Your goal >> Instruction for the entries that follow: retype exactly the lines from the line with "30.575, 0.0), z_axis=(0.0, 0.0, 1.0), x_axis=(1.0, 0.0, 0.0)))" to the line with "FILE_DESCRIPTION((''),'2;1');", both included, and omit all others.
---------- Working data
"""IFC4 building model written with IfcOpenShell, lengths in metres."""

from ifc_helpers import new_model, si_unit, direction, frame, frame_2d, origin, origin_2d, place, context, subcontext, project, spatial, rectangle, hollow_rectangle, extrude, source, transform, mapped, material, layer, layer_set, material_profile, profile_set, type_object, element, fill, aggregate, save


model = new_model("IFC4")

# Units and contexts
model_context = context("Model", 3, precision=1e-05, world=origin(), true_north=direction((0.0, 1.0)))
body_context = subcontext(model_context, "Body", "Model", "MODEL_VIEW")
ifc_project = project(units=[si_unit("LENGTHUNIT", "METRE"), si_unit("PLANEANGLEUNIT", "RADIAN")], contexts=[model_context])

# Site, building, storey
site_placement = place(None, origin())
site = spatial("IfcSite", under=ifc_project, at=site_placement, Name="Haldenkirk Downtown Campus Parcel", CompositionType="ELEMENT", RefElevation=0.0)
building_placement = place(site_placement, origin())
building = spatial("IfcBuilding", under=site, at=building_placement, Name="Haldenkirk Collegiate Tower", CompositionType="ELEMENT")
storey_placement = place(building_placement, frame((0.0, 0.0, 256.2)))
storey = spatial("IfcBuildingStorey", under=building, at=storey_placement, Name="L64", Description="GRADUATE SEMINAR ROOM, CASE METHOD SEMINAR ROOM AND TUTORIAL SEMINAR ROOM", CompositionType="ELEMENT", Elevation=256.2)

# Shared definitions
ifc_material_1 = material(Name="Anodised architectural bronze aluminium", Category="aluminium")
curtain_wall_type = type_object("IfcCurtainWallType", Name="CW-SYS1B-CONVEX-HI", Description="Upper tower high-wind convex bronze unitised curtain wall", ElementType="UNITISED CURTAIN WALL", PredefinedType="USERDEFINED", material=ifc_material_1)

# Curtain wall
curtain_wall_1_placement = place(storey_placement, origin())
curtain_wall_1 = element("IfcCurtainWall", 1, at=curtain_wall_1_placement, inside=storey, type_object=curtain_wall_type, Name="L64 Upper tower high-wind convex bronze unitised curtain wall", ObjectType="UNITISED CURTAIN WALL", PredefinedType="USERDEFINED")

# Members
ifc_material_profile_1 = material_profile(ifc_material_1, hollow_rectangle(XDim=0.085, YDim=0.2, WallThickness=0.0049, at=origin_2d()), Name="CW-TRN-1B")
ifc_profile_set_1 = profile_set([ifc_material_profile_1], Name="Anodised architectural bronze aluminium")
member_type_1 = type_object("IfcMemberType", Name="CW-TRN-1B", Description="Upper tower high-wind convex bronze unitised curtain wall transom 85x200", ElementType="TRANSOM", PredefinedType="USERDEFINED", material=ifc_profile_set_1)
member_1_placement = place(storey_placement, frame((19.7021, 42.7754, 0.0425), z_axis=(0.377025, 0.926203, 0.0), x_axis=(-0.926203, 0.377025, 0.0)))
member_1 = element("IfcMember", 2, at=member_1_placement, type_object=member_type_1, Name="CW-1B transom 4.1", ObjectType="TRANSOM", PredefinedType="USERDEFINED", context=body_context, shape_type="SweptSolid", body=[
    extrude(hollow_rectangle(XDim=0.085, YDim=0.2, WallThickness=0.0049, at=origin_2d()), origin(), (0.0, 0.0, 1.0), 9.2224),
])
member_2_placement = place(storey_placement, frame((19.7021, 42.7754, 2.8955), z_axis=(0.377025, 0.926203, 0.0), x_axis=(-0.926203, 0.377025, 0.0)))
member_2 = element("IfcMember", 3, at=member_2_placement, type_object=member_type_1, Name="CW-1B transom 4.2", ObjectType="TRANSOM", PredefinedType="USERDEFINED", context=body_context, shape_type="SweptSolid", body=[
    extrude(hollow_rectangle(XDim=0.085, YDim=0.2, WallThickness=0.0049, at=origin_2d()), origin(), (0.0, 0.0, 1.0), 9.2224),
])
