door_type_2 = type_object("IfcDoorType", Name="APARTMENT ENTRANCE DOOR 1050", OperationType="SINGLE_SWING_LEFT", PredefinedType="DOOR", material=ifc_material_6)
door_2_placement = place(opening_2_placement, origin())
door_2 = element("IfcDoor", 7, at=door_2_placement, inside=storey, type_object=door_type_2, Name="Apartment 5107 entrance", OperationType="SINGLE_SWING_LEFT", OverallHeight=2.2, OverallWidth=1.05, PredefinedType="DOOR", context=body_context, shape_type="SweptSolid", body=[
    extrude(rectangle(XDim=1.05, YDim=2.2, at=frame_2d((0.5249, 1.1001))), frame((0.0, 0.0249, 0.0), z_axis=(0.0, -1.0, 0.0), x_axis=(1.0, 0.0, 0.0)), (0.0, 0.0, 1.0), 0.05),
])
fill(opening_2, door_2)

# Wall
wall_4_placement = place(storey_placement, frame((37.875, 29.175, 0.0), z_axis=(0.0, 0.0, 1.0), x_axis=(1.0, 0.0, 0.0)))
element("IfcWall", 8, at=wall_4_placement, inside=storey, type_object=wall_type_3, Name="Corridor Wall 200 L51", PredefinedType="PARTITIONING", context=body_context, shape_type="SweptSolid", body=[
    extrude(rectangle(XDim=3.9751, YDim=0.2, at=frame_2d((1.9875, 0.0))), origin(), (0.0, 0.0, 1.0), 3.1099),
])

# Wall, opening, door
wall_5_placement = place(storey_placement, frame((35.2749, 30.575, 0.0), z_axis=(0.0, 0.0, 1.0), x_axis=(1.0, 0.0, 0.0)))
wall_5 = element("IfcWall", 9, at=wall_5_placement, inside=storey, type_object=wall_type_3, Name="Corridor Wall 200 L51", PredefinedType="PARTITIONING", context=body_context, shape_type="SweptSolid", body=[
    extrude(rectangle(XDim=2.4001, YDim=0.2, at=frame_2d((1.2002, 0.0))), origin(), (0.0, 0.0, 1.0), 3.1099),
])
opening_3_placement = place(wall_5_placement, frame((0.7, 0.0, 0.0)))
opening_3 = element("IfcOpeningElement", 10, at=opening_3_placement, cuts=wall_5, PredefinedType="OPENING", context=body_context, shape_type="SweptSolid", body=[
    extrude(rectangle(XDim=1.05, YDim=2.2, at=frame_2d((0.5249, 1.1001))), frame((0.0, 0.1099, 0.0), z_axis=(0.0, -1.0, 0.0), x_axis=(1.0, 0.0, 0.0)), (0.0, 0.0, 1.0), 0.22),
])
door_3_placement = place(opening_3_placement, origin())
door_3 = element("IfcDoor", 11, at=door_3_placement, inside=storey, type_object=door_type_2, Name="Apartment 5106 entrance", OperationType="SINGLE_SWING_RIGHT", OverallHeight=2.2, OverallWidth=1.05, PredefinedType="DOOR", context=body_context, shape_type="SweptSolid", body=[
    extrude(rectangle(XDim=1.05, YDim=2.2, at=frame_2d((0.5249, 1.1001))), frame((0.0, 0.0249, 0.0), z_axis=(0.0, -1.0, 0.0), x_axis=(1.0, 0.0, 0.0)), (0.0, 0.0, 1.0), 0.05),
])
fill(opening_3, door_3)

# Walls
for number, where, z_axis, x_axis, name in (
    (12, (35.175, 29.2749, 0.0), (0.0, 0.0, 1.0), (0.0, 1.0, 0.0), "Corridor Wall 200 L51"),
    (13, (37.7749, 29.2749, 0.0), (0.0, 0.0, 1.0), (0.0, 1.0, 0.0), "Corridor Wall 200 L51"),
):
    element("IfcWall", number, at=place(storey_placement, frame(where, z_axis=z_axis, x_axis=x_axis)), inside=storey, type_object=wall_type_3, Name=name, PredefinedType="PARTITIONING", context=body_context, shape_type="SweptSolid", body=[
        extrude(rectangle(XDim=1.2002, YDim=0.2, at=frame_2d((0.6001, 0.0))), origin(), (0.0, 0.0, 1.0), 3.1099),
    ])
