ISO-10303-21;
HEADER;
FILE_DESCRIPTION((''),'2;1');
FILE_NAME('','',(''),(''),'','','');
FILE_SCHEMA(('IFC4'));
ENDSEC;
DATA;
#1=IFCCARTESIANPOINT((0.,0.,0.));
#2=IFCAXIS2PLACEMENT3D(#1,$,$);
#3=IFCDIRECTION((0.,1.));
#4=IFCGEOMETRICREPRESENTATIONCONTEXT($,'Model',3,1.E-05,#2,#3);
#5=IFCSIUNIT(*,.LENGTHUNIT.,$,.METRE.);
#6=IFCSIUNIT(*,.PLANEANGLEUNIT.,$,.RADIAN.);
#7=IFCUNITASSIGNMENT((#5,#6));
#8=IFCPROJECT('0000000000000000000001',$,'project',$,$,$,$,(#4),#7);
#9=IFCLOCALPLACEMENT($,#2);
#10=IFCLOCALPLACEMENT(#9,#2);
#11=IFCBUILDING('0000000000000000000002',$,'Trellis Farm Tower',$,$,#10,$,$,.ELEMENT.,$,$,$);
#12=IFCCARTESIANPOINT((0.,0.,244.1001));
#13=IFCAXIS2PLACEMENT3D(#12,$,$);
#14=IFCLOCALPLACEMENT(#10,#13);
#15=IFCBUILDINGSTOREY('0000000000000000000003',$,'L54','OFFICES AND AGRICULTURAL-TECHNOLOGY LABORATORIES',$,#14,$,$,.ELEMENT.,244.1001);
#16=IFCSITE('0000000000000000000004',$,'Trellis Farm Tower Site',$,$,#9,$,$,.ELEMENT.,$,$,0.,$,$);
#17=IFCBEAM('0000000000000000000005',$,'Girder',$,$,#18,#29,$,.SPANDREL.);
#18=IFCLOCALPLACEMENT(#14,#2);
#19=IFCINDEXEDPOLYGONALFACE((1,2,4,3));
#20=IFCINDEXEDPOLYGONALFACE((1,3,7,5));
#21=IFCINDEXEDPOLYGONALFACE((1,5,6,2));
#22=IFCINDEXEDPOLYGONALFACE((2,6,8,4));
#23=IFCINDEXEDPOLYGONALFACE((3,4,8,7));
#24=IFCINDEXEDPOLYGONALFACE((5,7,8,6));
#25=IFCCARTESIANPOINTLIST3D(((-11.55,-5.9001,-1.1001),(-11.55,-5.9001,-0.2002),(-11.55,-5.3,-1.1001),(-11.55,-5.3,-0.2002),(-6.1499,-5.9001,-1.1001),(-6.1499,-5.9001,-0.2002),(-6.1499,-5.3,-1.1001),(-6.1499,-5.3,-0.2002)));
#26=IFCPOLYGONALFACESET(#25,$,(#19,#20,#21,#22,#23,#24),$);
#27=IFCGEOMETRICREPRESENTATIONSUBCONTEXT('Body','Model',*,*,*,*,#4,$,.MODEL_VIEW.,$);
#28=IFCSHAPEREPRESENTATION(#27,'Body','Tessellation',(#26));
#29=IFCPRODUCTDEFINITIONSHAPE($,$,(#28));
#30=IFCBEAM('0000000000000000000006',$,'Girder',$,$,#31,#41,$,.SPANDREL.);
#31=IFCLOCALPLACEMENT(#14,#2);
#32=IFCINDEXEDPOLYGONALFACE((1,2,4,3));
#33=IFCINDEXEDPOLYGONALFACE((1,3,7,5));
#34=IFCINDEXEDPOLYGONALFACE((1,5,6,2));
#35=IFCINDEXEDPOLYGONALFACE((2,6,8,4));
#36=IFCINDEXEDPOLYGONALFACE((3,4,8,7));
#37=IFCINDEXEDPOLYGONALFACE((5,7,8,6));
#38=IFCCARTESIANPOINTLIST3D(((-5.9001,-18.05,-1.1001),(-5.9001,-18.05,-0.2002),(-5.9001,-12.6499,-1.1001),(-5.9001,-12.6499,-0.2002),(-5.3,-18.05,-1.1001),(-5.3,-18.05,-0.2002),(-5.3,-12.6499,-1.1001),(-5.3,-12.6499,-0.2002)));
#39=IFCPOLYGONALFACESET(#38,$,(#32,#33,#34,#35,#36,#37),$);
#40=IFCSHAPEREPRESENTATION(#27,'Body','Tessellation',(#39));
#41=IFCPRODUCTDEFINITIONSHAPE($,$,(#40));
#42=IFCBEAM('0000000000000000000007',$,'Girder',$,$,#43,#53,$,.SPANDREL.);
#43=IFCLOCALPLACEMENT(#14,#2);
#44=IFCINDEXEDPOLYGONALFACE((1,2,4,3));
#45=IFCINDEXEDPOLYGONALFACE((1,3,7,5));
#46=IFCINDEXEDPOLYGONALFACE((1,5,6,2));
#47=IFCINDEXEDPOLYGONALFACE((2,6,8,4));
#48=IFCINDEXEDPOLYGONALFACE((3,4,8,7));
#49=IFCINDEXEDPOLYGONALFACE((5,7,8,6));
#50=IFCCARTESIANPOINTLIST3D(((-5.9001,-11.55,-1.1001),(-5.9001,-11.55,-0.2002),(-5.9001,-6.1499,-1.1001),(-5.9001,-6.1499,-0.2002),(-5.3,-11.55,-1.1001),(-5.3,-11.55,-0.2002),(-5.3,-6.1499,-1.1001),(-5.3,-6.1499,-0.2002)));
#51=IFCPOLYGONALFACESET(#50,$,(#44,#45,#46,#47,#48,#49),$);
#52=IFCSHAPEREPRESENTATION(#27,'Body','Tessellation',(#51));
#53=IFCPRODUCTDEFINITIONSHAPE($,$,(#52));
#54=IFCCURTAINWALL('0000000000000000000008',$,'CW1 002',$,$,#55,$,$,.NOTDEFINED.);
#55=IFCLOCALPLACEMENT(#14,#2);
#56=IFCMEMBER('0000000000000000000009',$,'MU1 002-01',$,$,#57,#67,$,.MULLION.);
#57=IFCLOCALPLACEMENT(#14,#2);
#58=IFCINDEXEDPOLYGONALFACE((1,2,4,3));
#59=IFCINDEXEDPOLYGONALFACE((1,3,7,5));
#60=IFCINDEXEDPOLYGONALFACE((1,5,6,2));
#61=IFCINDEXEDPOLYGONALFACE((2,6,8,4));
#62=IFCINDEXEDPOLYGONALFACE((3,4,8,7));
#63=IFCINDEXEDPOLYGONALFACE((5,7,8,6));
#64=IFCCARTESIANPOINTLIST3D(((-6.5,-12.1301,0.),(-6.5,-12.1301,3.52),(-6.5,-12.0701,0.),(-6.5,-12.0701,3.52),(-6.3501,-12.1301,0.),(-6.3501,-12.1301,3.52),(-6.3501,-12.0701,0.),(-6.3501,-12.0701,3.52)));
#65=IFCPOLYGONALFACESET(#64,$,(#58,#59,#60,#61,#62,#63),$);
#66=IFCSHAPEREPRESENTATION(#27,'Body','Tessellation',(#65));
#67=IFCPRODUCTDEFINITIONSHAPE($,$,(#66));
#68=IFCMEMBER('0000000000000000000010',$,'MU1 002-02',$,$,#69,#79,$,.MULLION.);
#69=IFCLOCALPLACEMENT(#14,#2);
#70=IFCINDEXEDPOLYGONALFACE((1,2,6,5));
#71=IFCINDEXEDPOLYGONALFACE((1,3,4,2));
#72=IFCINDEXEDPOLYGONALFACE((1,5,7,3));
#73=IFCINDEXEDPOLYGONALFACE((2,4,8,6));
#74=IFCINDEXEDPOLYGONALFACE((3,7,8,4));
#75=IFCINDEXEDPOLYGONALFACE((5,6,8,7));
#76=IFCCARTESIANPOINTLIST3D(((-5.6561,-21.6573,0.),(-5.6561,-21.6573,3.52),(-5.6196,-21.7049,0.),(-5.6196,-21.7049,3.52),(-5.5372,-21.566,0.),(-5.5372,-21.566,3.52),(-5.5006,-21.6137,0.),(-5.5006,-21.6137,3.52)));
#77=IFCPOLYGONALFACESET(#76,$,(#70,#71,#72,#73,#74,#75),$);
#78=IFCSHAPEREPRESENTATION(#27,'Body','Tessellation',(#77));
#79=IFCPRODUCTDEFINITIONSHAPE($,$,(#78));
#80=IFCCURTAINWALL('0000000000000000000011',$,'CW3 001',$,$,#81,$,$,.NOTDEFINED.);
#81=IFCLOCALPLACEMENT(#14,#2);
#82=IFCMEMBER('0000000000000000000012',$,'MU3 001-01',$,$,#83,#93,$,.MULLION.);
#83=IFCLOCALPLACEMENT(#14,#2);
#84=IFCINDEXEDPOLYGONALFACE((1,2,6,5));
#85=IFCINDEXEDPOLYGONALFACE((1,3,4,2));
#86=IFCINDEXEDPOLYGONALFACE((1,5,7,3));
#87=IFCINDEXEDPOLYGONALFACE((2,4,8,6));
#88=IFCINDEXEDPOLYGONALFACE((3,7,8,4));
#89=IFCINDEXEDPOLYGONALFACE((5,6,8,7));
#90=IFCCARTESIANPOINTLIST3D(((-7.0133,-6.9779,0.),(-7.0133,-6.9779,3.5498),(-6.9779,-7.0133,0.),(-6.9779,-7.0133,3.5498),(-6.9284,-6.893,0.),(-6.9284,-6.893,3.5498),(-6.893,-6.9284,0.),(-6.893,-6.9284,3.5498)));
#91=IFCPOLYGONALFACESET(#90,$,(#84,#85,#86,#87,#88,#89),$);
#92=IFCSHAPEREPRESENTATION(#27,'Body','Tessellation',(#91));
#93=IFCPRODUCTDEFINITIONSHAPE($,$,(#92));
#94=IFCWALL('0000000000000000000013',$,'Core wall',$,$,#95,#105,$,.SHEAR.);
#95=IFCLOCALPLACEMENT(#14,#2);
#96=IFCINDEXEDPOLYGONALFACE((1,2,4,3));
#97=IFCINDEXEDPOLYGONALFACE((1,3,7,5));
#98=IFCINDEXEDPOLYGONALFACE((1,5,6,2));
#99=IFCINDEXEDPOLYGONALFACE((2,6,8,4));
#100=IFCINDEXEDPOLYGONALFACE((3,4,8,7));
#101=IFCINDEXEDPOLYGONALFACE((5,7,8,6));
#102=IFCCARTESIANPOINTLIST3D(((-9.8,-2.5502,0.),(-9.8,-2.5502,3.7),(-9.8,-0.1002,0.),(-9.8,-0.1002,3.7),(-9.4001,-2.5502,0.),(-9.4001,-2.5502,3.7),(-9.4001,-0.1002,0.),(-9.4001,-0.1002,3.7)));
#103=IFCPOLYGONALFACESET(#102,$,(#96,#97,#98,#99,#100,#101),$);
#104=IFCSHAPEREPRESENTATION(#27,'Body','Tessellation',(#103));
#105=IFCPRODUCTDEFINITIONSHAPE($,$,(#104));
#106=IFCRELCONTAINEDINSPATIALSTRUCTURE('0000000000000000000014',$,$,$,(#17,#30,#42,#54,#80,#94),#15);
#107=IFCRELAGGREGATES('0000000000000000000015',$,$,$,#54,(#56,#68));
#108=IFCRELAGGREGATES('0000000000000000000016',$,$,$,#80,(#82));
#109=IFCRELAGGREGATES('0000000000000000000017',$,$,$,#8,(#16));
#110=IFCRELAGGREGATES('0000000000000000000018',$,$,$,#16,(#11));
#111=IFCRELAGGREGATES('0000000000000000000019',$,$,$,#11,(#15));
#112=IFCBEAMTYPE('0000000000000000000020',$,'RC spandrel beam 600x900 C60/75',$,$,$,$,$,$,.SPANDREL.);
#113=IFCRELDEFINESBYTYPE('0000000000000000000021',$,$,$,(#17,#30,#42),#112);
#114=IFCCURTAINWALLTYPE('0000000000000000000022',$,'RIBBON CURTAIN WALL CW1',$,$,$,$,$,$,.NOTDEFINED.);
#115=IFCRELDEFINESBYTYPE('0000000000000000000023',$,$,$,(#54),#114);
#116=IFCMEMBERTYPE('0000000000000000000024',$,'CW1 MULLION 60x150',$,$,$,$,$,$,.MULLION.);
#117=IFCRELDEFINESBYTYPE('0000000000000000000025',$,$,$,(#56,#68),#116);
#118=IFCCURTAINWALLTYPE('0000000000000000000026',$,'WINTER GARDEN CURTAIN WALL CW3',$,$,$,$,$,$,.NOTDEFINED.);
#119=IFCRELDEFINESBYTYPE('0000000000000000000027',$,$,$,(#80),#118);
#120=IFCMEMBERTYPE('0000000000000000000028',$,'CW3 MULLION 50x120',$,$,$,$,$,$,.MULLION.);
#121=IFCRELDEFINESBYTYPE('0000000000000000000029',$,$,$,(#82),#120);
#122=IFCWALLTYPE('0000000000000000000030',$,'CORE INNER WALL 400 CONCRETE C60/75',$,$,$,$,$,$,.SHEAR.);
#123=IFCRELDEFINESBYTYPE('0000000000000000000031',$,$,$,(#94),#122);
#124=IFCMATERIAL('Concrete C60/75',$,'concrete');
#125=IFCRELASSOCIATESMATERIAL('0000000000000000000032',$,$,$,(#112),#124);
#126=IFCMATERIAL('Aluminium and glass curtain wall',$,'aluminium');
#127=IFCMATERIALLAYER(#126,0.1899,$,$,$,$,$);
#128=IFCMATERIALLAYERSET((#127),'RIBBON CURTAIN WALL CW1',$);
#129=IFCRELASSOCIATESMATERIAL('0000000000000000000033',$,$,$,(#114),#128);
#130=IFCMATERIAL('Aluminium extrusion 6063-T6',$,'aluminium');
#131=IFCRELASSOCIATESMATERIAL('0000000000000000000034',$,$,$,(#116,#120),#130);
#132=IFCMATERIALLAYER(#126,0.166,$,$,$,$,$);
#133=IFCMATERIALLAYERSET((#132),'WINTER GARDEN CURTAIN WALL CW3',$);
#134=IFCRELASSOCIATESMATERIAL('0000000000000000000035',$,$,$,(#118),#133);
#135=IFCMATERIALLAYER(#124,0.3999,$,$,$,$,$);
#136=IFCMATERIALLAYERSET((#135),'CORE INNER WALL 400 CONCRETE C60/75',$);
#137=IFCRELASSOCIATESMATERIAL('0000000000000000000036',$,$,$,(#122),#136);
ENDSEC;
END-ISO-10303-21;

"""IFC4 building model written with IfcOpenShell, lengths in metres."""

from ifc_helpers import new_model, si_unit, direction, frame, frame_2d, origin, origin_2d, place, context, subcontext, project, spatial, rectangle, extrude, source, transform, mapped, material, layer, layer_set, material_profile, profile_set, type_object, element, aggregate, save


model = new_model("IFC4")

# Units and contexts
model_context = context("Model", 3, precision=1e-05, world=origin(), true_north=direction((0.0, 1.0)))
body_context = subcontext(model_context, "Body", "Model", "MODEL_VIEW")
ifc_project = project(units=[si_unit("LENGTHUNIT", "METRE"), si_unit("PLANEANGLEUNIT", "RADIAN")], contexts=[model_context])

# Site, building, storey
site_placement = place(None, origin())
site = spatial("IfcSite", under=ifc_project, at=site_placement, Name="Trellis Farm Tower Site", CompositionType="ELEMENT", RefElevation=0.0)
building_placement = place(site_placement, origin())
building = spatial("IfcBuilding", under=site, at=building_placement, Name="Trellis Farm Tower", CompositionType="ELEMENT")
storey_placement = place(building_placement, frame((0.0, 0.0, 244.1001)))
storey = spatial("IfcBuildingStorey", under=building, at=storey_placement, Name="L54", Description="OFFICES AND AGRICULTURAL-TECHNOLOGY LABORATORIES", CompositionType="ELEMENT", Elevation=244.1001)

# Shared definitions
ifc_material_1 = material(Name="Concrete C60/75", Category="concrete")

# Beams
ifc_material_profile_1 = material_profile(ifc_material_1, rectangle(XDim=0.6001, YDim=0.8999, at=origin_2d()), Name="RC spandrel beam 600x900 C60/75")
ifc_profile_set_1 = profile_set([ifc_material_profile_1], Name="Concrete C60/75")
beam_type_1 = type_object("IfcBeamType", Name="RC spandrel beam 600x900 C60/75", PredefinedType="SPANDREL", material=ifc_profile_set_1)
shared_shape_1 = source(origin(), body_context, "Body", "SweptSolid", [
    extrude(rectangle(XDim=0.6001, YDim=0.8999, at=origin_2d()), origin(), (0.0, 0.0, 1.0), 5.4001),
])
for number, where, z_axis, x_axis, name in (
    (1, (-11.55, -5.6001, -0.6501), (1.0, 0.0, 0.0), (0.0, 1.0, 0.0), "Girder"),
    (2, (-5.6001, -18.05, -0.6501), (0.0, 1.0, 0.0), (-1.0, 0.0, 0.0), "Girder"),
    (3, (-5.6001, -11.55, -0.6501), (0.0, 1.0, 0.0), (-1.0, 0.0, 0.0), "Girder"),
):
    element("IfcBeam", number, at=place(storey_placement, frame(where, z_axis=z_axis, x_axis=x_axis)), inside=storey, type_object=beam_type_1, Name=name, PredefinedType="SPANDREL", context=body_context, shape_type="MappedRepresentation", body=[
        mapped(shared_shape_1, transform((0.0, 0.0, 0.0))),
    ])

# Curtain wall, members
ifc_material_2 = material(Name="Aluminium and glass curtain wall", Category="aluminium")
ifc_layer_1 = layer(ifc_material_2, 0.1899)
ifc_layer_set_1 = layer_set([ifc_layer_1], Name="RIBBON CURTAIN WALL CW1")
curtain_wall_type_1 = type_object("IfcCurtainWallType", Name="RIBBON CURTAIN WALL CW1", PredefinedType="NOTDEFINED", material=ifc_layer_set_1)
placement = place(storey_placement, origin())
curtain_wall_1 = element("IfcCurtainWall", 4, at=placement, inside=storey, type_object=curtain_wall_type_1, Name="CW1 002", PredefinedType="NOTDEFINED")
ifc_material_3 = material(Name="Aluminium extrusion 6063-T6", Category="aluminium")
ifc_material_profile_2 = material_profile(ifc_material_3, rectangle(XDim=0.0601, YDim=0.1499, at=origin_2d()), Name="MULLION 60x150")
ifc_profile_set_2 = profile_set([ifc_material_profile_2], Name="Aluminium extrusion 6063-T6")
--------------------
Response to the exercise >>
wall_5_placement = place(storey_placement, frame((35.2749, 30.575, 0.0), z_axis=(0.0, 0.0, 1.0), x_axis=(1.0, 0.0, 0.0)))
wall_5 = element("IfcWall", 9, at=wall_5_placement, inside=storey, type_object=wall_type_3, Name="Corridor Wall 200 L51", PredefinedType="PARTITIONING", context=body_context, shape_type="SweptSolid", body=[
    extrude(rectangle(XDim=2.4001, YDim=0.2, at=frame_2d((1.2002, 0.0))), origin(), (0.0, 0.0, 1.0), 3.1099),
])
opening_3_placement = place(wall_5_placement, frame((0.7, 0.0, 0.0)))
opening_3 = element("IfcOpeningElement", 10, at=opening_3_placement, cuts=wall_5, PredefinedType="OPENING", context=body_context, shape_type="SweptSolid", body=[
    extrude(rectangle(XDim=1.05, YDim=2.2, at=frame_2d((0.5249, 1.1001))), frame((0.0, 0.1099, 0.0), z_axis=(0.0, -1.0, 0.0), x_axis=(1.0, 0.0, 0.0)), (0.0, 0.0, 1.0), 0.22),
])
door_3_placement = place(opening_3_placement, origin())
door_3 = element("IfcDoor", 11, at=door_3_placement, inside=storey, type_object=door_type_2, Name="Apartment 5106 entrance", OperationType="SINGLE_SWING_RIGHT", OverallHeight=2.2, OverallWidth=1.05, PredefinedType="DOOR", context=body_context, shape_type="SweptSolid", body=[
    extrude(rectangle(XDim=1.05, YDim=2.2, at=frame_2d((0.5249, 1.1001))), frame((0.0, 0.0249, 0.0), z_axis=(0.0, -1.0, 0.0), x_axis=(1.0, 0.0, 0.0)), (0.0, 0.0, 1.0), 0.05),
])
fill(opening_3, door_3)

# Walls
for number, where, z_axis, x_axis, name in (
    (12, (35.175, 29.2749, 0.0), (0.0, 0.0, 1.0), (0.0, 1.0, 0.0), "Corridor Wall 200 L51"),
    (13, (37.7749, 29.2749, 0.0), (0.0, 0.0, 1.0), (0.0, 1.0, 0.0), "Corridor Wall 200 L51"),
):
    element("IfcWall", number, at=place(storey_placement, frame(where, z_axis=z_axis, x_axis=x_axis)), inside=storey, type_object=wall_type_3, Name=name, PredefinedType="PARTITIONING", context=body_context, shape_type="SweptSolid", body=[
        extrude(rectangle(XDim=1.2002, YDim=0.2, at=frame_2d((0.6001, 0.0))), origin(), (0.0, 0.0, 1.0), 3.1099),
    ])
ISO-10303-21;
HEADER;
FILE_DESCRIPTION((''),'2;1');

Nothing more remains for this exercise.